◆ Problem: When you reach the line in the data below that contains "#31=IFCINDEXEDPOLYGONALFACE((1,3,7,5));", please start repeating lines exactly, and stop after the line that contains "#35=IFCINDEXEDPOLYGONALFACE((5,7,8,6));", repeating nothing else.

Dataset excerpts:
=== Begin Enclosure ===

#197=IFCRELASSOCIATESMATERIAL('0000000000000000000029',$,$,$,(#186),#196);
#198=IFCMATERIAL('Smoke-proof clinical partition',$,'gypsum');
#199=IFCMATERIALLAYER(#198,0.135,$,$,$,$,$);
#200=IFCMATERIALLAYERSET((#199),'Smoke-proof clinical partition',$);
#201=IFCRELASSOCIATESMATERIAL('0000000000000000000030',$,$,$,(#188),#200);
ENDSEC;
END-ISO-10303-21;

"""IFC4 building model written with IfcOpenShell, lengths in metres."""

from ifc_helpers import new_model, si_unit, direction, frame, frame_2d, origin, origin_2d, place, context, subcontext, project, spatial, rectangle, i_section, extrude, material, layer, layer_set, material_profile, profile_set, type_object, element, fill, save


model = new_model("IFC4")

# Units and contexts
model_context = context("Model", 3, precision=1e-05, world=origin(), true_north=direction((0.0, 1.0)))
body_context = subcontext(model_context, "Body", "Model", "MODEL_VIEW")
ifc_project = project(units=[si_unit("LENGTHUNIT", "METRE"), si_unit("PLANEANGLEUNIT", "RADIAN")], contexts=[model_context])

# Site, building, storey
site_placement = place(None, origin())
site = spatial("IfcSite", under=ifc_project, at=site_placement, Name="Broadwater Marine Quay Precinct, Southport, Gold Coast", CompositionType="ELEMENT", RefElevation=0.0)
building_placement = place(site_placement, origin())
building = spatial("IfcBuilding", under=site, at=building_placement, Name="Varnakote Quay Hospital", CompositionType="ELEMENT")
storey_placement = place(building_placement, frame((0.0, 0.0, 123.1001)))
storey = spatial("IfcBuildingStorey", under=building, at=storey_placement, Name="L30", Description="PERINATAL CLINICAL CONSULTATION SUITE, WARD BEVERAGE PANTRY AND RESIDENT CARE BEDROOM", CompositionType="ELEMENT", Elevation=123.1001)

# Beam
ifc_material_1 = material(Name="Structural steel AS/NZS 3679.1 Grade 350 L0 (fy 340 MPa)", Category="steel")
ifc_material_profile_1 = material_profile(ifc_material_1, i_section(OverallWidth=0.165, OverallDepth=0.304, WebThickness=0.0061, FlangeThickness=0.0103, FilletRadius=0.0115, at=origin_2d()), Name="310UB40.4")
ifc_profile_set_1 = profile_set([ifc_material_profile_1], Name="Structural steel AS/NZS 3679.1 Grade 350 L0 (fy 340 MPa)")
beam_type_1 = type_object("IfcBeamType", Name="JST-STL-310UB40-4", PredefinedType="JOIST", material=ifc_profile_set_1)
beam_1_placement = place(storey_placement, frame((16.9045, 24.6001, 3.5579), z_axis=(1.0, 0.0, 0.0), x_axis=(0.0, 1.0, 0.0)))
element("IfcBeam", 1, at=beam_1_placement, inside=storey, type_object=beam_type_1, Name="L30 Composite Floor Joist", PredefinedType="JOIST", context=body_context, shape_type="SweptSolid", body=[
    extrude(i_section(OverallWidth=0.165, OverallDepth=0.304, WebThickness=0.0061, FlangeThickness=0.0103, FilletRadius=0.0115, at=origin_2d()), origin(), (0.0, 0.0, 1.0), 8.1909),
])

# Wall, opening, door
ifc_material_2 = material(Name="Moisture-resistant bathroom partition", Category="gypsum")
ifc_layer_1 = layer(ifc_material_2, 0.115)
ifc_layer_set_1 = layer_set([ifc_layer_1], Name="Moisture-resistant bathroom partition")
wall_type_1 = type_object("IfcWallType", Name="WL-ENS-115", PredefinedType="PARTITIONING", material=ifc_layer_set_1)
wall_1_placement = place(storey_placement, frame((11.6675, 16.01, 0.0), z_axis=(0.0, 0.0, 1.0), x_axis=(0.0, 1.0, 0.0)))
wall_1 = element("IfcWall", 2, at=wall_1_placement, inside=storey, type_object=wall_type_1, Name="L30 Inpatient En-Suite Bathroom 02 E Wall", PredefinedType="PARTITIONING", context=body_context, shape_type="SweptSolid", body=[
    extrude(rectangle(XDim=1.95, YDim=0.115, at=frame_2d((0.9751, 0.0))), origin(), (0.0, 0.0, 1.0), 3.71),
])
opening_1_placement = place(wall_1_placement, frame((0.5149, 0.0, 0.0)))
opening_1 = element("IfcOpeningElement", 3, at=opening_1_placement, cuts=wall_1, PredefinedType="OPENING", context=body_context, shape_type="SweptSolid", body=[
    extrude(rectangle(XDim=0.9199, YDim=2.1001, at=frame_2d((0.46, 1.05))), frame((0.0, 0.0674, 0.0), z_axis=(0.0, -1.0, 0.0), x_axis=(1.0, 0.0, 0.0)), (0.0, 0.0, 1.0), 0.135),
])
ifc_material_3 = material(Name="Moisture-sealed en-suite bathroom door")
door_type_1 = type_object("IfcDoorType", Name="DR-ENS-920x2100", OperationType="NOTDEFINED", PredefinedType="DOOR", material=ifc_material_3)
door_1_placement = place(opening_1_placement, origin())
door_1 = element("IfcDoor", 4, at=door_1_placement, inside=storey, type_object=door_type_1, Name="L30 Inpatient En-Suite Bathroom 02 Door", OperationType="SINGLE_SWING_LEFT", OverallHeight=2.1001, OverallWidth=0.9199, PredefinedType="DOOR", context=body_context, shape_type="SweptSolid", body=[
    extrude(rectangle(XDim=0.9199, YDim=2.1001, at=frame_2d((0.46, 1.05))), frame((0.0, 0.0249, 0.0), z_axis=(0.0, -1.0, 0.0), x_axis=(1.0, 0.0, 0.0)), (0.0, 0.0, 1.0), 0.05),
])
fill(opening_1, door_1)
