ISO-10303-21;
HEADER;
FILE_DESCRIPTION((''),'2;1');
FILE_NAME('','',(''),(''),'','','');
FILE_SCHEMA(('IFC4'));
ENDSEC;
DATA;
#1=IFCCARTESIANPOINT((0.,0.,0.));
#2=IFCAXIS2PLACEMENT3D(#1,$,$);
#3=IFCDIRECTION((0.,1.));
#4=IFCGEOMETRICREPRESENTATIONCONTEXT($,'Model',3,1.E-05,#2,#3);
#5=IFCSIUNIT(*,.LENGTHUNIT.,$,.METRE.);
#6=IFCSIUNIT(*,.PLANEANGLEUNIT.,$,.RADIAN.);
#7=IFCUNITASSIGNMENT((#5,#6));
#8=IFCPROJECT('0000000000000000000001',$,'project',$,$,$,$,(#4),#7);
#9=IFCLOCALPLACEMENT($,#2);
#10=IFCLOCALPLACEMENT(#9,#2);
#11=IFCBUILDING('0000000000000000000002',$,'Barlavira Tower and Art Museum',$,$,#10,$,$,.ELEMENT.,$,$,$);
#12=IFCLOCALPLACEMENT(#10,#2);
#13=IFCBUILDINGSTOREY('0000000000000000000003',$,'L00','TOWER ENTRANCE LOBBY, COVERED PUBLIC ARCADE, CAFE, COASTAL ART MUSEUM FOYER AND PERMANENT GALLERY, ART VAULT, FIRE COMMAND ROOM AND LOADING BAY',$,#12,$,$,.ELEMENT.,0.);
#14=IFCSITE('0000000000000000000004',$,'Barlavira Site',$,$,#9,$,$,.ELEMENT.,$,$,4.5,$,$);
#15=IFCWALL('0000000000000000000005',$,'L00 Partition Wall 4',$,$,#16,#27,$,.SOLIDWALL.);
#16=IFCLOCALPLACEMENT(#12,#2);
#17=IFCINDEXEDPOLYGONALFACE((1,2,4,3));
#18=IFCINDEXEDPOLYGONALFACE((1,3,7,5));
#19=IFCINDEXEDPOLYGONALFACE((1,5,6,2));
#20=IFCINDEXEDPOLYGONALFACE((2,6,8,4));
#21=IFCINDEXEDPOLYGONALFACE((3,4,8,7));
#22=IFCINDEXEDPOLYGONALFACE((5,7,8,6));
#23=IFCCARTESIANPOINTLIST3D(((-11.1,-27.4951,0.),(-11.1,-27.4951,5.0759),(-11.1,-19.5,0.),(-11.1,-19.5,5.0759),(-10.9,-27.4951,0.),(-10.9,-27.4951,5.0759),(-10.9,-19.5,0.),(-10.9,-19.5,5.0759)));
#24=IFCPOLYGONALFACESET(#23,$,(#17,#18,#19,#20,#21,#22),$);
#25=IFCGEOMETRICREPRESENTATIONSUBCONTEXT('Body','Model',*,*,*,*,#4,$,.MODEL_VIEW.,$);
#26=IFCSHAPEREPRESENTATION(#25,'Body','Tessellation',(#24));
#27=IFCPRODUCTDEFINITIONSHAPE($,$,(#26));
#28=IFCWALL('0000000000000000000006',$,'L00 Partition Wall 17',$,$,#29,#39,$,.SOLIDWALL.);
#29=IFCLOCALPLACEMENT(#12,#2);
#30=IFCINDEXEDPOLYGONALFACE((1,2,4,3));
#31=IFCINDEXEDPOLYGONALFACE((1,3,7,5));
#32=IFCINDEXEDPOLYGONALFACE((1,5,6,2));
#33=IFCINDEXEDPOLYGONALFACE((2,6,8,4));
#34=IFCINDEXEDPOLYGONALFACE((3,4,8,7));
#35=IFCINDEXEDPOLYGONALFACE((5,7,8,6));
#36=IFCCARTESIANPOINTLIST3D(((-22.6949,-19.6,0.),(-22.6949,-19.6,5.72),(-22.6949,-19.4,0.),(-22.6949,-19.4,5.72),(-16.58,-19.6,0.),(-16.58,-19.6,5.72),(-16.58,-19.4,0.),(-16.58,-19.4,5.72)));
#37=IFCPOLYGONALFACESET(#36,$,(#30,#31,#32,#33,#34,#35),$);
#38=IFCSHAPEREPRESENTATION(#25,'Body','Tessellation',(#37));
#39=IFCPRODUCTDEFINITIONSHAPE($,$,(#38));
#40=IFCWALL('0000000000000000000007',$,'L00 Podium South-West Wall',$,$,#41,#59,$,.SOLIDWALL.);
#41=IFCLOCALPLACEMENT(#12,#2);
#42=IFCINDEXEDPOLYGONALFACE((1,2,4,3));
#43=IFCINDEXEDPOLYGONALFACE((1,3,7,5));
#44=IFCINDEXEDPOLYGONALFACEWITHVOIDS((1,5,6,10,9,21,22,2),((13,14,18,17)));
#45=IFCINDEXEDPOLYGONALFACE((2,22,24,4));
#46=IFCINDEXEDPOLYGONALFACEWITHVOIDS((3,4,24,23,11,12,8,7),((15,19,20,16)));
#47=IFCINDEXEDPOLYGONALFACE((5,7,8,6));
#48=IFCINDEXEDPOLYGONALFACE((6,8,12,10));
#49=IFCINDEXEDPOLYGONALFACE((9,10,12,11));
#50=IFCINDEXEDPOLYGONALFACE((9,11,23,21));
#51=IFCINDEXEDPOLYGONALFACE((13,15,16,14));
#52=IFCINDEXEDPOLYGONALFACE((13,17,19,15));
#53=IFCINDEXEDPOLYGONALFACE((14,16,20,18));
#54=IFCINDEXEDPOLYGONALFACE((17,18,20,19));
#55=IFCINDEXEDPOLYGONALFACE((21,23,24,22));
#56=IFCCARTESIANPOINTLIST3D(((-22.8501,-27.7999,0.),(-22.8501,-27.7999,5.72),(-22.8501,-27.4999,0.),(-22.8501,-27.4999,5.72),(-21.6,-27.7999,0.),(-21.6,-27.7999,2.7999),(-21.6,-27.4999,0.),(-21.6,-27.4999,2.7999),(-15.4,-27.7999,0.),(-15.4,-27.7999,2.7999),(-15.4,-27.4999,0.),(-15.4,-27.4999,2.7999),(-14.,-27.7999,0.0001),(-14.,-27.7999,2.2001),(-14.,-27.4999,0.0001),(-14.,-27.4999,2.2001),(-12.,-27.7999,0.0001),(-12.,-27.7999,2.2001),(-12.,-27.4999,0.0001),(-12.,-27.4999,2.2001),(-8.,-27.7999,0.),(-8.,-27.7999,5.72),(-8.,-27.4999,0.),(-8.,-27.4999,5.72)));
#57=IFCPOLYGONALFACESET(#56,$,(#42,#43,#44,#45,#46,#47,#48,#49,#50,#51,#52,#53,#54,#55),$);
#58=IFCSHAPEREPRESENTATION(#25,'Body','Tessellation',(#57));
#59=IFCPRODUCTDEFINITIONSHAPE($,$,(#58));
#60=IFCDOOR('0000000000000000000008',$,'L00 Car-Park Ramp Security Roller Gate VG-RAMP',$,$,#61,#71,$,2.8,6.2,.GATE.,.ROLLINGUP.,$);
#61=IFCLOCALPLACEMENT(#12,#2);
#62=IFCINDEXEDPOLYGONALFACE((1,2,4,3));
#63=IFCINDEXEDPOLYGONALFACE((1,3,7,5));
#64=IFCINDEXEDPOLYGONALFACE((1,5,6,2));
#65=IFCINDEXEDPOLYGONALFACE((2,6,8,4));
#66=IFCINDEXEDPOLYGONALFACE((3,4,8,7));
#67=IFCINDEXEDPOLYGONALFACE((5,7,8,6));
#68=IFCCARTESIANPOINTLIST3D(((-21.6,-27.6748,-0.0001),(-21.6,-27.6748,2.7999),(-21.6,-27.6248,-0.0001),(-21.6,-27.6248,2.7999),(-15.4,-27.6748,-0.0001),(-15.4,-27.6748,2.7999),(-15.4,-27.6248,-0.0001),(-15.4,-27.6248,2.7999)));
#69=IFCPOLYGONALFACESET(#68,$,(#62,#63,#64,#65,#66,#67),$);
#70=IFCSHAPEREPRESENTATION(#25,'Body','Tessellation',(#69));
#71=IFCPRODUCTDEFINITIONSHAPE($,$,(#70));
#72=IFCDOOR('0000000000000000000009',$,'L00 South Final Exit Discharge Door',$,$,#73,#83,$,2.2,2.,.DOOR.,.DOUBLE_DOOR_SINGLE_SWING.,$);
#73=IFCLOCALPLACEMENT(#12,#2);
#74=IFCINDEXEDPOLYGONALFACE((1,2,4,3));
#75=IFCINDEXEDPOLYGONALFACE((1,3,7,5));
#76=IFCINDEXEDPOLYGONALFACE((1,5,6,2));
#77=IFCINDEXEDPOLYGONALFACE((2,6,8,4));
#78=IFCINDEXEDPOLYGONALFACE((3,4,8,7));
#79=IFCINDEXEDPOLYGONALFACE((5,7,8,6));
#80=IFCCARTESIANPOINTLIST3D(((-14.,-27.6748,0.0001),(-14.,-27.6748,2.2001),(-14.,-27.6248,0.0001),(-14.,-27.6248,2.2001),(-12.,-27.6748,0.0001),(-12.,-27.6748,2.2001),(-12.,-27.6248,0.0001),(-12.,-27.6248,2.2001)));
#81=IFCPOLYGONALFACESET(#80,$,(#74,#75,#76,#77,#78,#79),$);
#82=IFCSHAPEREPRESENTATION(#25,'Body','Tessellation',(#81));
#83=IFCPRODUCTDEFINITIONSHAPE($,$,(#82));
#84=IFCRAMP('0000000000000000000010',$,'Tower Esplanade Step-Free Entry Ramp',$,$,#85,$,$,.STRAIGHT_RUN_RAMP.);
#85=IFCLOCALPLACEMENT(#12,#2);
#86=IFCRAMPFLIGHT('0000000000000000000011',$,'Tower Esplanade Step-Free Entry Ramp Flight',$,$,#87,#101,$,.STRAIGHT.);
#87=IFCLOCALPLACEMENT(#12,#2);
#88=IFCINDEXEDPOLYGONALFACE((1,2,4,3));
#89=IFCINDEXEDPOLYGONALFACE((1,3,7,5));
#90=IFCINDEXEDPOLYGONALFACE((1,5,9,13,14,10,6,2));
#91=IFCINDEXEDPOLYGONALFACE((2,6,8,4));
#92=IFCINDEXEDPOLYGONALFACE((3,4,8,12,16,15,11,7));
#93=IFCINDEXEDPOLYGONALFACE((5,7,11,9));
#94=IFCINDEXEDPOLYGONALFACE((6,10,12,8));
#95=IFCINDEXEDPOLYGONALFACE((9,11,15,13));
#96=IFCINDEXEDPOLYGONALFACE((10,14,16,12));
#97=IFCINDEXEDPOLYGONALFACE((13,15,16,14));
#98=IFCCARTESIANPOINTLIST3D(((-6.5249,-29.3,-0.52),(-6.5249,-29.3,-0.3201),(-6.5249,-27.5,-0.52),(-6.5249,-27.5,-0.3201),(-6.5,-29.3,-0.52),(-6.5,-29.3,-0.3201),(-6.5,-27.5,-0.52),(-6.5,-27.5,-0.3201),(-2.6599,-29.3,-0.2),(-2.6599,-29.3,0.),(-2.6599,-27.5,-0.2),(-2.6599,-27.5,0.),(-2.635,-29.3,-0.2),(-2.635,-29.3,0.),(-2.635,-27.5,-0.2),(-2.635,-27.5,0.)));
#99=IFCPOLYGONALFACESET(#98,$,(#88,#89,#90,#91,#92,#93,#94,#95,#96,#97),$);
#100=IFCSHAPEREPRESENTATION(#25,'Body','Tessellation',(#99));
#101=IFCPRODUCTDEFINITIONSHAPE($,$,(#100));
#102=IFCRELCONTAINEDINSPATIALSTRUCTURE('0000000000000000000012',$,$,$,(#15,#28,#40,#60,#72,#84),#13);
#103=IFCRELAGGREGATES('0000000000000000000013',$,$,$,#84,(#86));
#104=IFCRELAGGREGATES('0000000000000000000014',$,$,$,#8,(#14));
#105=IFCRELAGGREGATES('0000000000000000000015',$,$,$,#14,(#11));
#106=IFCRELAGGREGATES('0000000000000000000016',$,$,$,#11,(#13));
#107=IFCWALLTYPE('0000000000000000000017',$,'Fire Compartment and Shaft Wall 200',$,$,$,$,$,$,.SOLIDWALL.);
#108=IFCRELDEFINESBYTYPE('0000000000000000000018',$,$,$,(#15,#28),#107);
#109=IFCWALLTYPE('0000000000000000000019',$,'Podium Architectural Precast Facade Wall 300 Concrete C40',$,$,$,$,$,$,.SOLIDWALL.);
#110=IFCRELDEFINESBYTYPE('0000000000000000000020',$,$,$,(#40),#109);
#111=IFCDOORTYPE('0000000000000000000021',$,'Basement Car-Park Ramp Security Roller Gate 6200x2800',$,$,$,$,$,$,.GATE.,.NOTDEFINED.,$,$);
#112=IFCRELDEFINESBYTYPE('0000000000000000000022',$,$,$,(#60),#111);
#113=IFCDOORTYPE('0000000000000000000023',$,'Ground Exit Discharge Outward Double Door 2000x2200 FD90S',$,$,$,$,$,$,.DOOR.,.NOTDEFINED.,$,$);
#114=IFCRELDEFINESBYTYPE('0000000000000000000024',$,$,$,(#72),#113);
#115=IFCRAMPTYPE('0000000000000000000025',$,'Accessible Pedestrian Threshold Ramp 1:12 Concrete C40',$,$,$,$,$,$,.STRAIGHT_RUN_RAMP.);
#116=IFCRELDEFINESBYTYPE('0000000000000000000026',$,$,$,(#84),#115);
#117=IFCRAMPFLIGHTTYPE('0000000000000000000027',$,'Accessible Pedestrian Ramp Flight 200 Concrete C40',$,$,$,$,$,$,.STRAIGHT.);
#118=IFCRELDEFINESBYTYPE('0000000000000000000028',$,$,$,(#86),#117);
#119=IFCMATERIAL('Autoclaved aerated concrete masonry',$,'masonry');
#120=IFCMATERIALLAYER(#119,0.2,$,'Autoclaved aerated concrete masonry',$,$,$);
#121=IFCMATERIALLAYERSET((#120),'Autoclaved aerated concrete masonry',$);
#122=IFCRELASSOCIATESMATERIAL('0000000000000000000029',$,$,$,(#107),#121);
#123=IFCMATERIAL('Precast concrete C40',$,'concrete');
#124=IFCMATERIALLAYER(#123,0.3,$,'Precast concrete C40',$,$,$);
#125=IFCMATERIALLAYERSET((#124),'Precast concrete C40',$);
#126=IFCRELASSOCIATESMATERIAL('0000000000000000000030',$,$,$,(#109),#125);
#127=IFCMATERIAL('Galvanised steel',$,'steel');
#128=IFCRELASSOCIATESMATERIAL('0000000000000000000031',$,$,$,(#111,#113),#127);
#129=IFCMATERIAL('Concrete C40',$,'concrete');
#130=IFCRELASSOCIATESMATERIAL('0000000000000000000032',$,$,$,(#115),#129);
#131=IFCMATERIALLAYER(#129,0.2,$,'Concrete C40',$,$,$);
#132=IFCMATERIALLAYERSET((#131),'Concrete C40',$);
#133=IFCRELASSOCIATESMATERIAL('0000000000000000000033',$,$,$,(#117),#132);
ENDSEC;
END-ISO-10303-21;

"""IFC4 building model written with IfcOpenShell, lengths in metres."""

from ifc_helpers import new_model, si_unit, direction, frame, frame_2d, origin, place, context, subcontext, project, spatial, polyline, rectangle, outline, extrude, material, layer, layer_set, type_object, element, fill, aggregate, save


model = new_model("IFC4")

# Units and contexts
model_context = context("Model", 3, precision=1e-05, world=origin(), true_north=direction((0.0, 1.0)))
body_context = subcontext(model_context, "Body", "Model", "MODEL_VIEW")
ifc_project = project(units=[si_unit("LENGTHUNIT", "METRE"), si_unit("PLANEANGLEUNIT", "RADIAN")], contexts=[model_context])

# Site, building, storey
site_placement = place(None, origin())
site = spatial("IfcSite", under=ifc_project, at=site_placement, Name="Barlavira Site", CompositionType="ELEMENT", RefElevation=4.5)
building_placement = place(site_placement, origin())
building = spatial("IfcBuilding", under=site, at=building_placement, Name="Barlavira Tower and Art Museum", CompositionType="ELEMENT")
storey_placement = place(building_placement, origin())
storey = spatial("IfcBuildingStorey", under=building, at=storey_placement, Name="L00", Description="TOWER ENTRANCE LOBBY, COVERED PUBLIC ARCADE, CAFE, COASTAL ART MUSEUM FOYER AND PERMANENT GALLERY, ART VAULT, FIRE COMMAND ROOM AND LOADING BAY", CompositionType="ELEMENT", Elevation=0.0)

# Walls
ifc_material_1 = material(Name="Autoclaved aerated concrete masonry", Category="masonry")
ifc_layer_1 = layer(ifc_material_1, 0.2, Name="Autoclaved aerated concrete masonry")
ifc_layer_set_1 = layer_set([ifc_layer_1], Name="Autoclaved aerated concrete masonry")
wall_type_1 = type_object("IfcWallType", Name="Fire Compartment and Shaft Wall 200", PredefinedType="SOLIDWALL", material=ifc_layer_set_1)
for number, where, z_axis, x_axis, name in (
    (1, (-11.0, -27.4951, 0.0), (0.0, 0.0, 1.0), (0.0, 1.0, 0.0), "L00 Partition Wall 4"),
):
    element("IfcWall", number, at=place(storey_placement, frame(where, z_axis=z_axis, x_axis=x_axis)), inside=storey, type_object=wall_type_1, Name=name, PredefinedType="SOLIDWALL", context=body_context, shape_type="SweptSolid", body=[
        extrude(rectangle(XDim=7.9951, YDim=0.2, at=frame_2d((3.9976, 0.0))), origin(), (0.0, 0.0, 1.0), 5.0759),
    ])
wall_1_placement = place(storey_placement, frame((-22.6951, -19.5, 0.0), z_axis=(0.0, 0.0, 1.0), x_axis=(1.0, 0.0, 0.0)))
element("IfcWall", 2, at=wall_1_placement, inside=storey, type_object=wall_type_1, Name="L00 Partition Wall 17", PredefinedType="SOLIDWALL", context=body_context, shape_type="SweptSolid", body=[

=== End Enclosure ===

◆ Result of this exercise:
#31=IFCINDEXEDPOLYGONALFACE((1,3,7,5));
#32=IFCINDEXEDPOLYGONALFACE((1,5,6,2));
#33=IFCINDEXEDPOLYGONALFACE((2,6,8,4));
#34=IFCINDEXEDPOLYGONALFACE((3,4,8,7));
#35=IFCINDEXEDPOLYGONALFACE((5,7,8,6));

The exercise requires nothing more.